# INFORMATION PROVIDED:
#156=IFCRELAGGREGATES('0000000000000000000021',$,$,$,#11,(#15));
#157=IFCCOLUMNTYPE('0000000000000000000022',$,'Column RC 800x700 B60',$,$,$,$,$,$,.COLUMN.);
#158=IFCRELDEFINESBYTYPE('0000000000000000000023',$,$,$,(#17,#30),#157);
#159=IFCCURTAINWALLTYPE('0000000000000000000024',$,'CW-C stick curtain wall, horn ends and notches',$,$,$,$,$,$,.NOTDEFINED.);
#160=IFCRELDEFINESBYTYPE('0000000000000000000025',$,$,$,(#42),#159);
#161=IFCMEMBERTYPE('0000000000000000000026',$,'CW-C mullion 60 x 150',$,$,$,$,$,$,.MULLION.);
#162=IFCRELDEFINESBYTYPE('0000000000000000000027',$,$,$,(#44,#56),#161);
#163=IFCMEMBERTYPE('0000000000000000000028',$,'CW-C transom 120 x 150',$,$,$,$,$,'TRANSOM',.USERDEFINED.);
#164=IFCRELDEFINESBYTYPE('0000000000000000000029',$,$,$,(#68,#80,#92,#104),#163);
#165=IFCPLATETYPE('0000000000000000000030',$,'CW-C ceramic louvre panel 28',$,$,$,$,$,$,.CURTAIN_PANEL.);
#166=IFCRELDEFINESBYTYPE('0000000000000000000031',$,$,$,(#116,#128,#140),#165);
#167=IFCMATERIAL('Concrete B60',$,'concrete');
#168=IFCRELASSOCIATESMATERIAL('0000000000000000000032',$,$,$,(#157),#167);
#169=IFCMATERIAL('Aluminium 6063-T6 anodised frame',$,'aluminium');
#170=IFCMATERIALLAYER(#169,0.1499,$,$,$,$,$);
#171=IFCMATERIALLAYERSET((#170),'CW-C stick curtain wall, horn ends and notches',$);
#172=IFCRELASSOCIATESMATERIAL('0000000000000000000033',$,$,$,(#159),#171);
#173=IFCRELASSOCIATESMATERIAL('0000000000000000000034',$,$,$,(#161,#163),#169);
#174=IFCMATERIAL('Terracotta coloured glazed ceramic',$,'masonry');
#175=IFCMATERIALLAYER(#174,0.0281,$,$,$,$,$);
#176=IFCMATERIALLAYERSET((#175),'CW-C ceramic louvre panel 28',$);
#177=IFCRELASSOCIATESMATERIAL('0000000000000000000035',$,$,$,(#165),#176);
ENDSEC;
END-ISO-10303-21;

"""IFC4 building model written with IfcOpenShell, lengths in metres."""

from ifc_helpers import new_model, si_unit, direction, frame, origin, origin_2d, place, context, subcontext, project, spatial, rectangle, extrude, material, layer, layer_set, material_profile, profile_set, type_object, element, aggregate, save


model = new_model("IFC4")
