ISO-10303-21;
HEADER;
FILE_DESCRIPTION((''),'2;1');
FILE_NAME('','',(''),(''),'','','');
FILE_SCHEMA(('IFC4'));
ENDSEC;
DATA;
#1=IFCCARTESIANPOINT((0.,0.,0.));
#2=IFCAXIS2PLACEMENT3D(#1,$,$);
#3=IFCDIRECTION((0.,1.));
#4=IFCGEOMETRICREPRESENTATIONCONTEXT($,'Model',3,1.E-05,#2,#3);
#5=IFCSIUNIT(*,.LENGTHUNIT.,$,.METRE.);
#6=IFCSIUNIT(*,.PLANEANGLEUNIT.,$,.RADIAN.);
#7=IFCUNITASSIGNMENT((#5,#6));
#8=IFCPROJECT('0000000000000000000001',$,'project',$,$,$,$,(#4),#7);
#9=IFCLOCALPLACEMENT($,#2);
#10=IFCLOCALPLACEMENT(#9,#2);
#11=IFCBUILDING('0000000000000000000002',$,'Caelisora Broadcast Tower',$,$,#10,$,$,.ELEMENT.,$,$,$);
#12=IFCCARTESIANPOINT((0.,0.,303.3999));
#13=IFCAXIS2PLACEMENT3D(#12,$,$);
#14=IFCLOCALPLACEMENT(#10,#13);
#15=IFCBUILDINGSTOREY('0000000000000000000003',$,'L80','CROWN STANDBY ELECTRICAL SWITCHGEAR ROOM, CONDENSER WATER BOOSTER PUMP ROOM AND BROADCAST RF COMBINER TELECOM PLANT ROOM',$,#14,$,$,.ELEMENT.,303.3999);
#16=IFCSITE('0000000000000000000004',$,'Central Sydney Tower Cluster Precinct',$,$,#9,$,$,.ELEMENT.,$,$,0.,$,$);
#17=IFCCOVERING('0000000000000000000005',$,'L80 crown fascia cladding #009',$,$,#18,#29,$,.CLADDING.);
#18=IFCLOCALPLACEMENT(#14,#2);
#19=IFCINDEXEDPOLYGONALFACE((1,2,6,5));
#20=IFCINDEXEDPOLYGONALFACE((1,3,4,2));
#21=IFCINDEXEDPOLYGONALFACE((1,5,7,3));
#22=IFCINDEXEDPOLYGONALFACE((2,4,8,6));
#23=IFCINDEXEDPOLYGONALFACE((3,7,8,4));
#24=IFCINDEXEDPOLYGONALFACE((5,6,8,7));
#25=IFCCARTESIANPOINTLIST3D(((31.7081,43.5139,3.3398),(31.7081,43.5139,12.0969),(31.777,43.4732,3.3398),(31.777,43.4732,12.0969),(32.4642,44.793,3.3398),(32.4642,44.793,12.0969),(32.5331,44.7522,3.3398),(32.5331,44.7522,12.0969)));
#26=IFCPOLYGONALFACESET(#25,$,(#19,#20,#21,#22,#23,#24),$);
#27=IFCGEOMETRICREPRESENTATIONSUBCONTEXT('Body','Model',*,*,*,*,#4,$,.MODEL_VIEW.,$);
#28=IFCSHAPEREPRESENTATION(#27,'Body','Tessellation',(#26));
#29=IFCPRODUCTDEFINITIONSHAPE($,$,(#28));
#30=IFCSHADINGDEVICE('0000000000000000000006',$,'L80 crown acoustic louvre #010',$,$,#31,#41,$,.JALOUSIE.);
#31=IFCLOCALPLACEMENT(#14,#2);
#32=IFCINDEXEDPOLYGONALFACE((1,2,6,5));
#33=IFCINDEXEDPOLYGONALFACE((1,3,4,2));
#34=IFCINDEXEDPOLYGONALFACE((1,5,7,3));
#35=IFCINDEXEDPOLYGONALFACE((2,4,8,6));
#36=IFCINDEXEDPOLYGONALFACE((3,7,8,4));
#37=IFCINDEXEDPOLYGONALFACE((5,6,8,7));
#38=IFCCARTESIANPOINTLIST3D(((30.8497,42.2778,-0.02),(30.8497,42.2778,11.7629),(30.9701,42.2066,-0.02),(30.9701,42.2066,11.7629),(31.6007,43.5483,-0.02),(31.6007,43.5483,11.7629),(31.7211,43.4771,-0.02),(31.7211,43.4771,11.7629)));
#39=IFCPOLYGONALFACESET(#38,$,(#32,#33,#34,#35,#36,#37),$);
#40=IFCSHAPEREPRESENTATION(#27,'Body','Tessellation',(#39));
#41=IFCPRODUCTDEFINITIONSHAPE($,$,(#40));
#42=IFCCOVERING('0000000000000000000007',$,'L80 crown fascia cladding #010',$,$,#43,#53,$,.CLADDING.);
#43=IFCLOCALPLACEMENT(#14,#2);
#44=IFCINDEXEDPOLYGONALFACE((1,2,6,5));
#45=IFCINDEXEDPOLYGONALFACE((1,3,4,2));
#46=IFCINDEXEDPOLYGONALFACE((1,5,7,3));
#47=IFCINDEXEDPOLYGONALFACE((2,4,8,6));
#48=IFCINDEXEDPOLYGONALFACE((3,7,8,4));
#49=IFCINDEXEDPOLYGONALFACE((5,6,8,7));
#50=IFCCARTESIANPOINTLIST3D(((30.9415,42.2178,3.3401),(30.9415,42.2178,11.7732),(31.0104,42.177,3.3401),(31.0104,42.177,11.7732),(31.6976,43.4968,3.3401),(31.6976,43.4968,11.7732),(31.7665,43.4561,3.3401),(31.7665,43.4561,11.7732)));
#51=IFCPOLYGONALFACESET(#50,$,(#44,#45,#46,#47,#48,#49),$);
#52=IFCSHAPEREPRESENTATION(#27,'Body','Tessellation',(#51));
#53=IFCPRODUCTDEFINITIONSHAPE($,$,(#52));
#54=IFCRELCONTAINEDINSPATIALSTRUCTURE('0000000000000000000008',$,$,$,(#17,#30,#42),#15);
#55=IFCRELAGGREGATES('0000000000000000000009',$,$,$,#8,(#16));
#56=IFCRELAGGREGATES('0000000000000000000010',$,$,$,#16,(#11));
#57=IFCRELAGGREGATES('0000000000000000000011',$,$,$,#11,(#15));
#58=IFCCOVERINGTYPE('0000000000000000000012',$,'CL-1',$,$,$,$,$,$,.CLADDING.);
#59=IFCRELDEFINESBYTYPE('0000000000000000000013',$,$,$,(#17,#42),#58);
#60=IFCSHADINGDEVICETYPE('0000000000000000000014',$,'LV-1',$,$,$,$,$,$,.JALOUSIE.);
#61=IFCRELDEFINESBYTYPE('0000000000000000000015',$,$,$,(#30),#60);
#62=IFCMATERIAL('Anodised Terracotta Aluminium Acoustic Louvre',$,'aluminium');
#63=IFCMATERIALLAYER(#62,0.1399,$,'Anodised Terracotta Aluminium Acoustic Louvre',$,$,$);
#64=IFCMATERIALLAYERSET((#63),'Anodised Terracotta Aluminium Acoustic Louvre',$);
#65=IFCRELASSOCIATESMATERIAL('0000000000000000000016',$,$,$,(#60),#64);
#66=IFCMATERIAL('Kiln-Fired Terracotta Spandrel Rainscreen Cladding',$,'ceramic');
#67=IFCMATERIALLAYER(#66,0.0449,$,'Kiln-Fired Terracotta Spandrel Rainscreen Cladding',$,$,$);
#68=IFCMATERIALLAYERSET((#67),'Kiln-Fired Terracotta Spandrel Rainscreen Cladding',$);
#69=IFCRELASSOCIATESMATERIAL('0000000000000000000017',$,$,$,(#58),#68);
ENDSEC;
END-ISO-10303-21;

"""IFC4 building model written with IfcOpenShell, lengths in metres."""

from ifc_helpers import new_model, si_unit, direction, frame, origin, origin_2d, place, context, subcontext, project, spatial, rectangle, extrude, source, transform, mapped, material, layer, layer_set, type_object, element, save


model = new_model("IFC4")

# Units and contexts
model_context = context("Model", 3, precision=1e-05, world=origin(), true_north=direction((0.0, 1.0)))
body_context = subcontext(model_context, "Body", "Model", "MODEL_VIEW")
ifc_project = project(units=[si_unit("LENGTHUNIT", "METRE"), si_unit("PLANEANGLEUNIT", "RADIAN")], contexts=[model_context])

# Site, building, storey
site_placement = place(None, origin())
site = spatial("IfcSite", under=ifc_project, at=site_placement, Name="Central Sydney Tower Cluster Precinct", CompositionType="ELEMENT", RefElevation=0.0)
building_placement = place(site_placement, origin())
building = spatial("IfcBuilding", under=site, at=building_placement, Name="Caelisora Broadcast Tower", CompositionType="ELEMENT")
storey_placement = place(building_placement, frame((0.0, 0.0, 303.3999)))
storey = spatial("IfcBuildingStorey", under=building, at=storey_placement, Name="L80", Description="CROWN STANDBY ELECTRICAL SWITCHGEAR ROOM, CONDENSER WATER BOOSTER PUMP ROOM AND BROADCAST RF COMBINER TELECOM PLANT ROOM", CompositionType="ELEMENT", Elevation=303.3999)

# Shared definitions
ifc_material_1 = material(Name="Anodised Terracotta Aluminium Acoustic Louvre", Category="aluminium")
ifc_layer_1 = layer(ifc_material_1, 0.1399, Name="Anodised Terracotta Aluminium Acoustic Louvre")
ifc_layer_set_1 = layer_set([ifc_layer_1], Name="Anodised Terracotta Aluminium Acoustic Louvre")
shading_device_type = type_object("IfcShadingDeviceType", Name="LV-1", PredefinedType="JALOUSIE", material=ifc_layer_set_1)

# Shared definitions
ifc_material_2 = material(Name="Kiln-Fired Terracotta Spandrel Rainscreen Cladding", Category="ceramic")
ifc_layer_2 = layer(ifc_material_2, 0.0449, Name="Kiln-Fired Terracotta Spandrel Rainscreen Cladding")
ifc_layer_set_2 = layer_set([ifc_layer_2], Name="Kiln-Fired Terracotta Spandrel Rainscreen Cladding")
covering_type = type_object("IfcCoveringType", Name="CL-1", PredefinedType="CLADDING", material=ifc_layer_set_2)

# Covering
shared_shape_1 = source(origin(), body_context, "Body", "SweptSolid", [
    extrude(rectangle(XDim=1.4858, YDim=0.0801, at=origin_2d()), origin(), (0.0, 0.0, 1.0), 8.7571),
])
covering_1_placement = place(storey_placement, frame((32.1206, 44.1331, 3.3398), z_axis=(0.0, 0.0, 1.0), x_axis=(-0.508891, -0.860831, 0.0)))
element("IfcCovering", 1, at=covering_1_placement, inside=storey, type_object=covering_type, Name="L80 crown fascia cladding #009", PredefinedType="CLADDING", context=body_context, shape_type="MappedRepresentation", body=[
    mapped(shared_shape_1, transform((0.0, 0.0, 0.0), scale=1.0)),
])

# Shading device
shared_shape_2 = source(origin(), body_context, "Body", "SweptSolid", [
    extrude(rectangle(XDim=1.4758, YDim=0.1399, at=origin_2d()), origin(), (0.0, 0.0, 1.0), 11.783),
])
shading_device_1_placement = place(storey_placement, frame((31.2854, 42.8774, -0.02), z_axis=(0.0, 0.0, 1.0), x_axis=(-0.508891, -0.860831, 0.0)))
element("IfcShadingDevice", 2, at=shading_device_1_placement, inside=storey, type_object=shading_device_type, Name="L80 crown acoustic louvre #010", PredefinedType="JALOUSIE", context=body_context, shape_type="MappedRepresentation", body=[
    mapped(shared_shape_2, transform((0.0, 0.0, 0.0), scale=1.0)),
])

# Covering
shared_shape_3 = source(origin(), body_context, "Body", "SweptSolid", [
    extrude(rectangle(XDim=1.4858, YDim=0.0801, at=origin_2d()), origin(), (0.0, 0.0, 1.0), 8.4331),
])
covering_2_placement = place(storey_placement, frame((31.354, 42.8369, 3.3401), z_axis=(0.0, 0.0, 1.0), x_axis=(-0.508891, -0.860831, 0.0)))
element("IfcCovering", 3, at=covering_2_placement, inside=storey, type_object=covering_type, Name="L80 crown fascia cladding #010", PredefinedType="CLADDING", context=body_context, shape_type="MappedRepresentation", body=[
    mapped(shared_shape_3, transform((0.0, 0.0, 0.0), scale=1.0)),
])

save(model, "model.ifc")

# WHAT YOU HAVE TO DO:
Take the stretch of lines above from the one containing "FILE_DESCRIPTION((''),'2;1');" through the one containing "#14=IFCLOCALPLACEMENT(#10,#13);" and repeat it exactly, adding no other line.

# ANSWER FOR THE TASK:
FILE_DESCRIPTION((''),'2;1');
FILE_NAME('','',(''),(''),'','','');
FILE_SCHEMA(('IFC4'));
ENDSEC;
DATA;
#1=IFCCARTESIANPOINT((0.,0.,0.));
#2=IFCAXIS2PLACEMENT3D(#1,$,$);
#3=IFCDIRECTION((0.,1.));
#4=IFCGEOMETRICREPRESENTATIONCONTEXT($,'Model',3,1.E-05,#2,#3);
#5=IFCSIUNIT(*,.LENGTHUNIT.,$,.METRE.);
#6=IFCSIUNIT(*,.PLANEANGLEUNIT.,$,.RADIAN.);
#7=IFCUNITASSIGNMENT((#5,#6));
#8=IFCPROJECT('0000000000000000000001',$,'project',$,$,$,$,(#4),#7);
#9=IFCLOCALPLACEMENT($,#2);
#10=IFCLOCALPLACEMENT(#9,#2);
#11=IFCBUILDING('0000000000000000000002',$,'Caelisora Broadcast Tower',$,$,#10,$,$,.ELEMENT.,$,$,$);
#12=IFCCARTESIANPOINT((0.,0.,303.3999));
#13=IFCAXIS2PLACEMENT3D(#12,$,$);
#14=IFCLOCALPLACEMENT(#10,#13);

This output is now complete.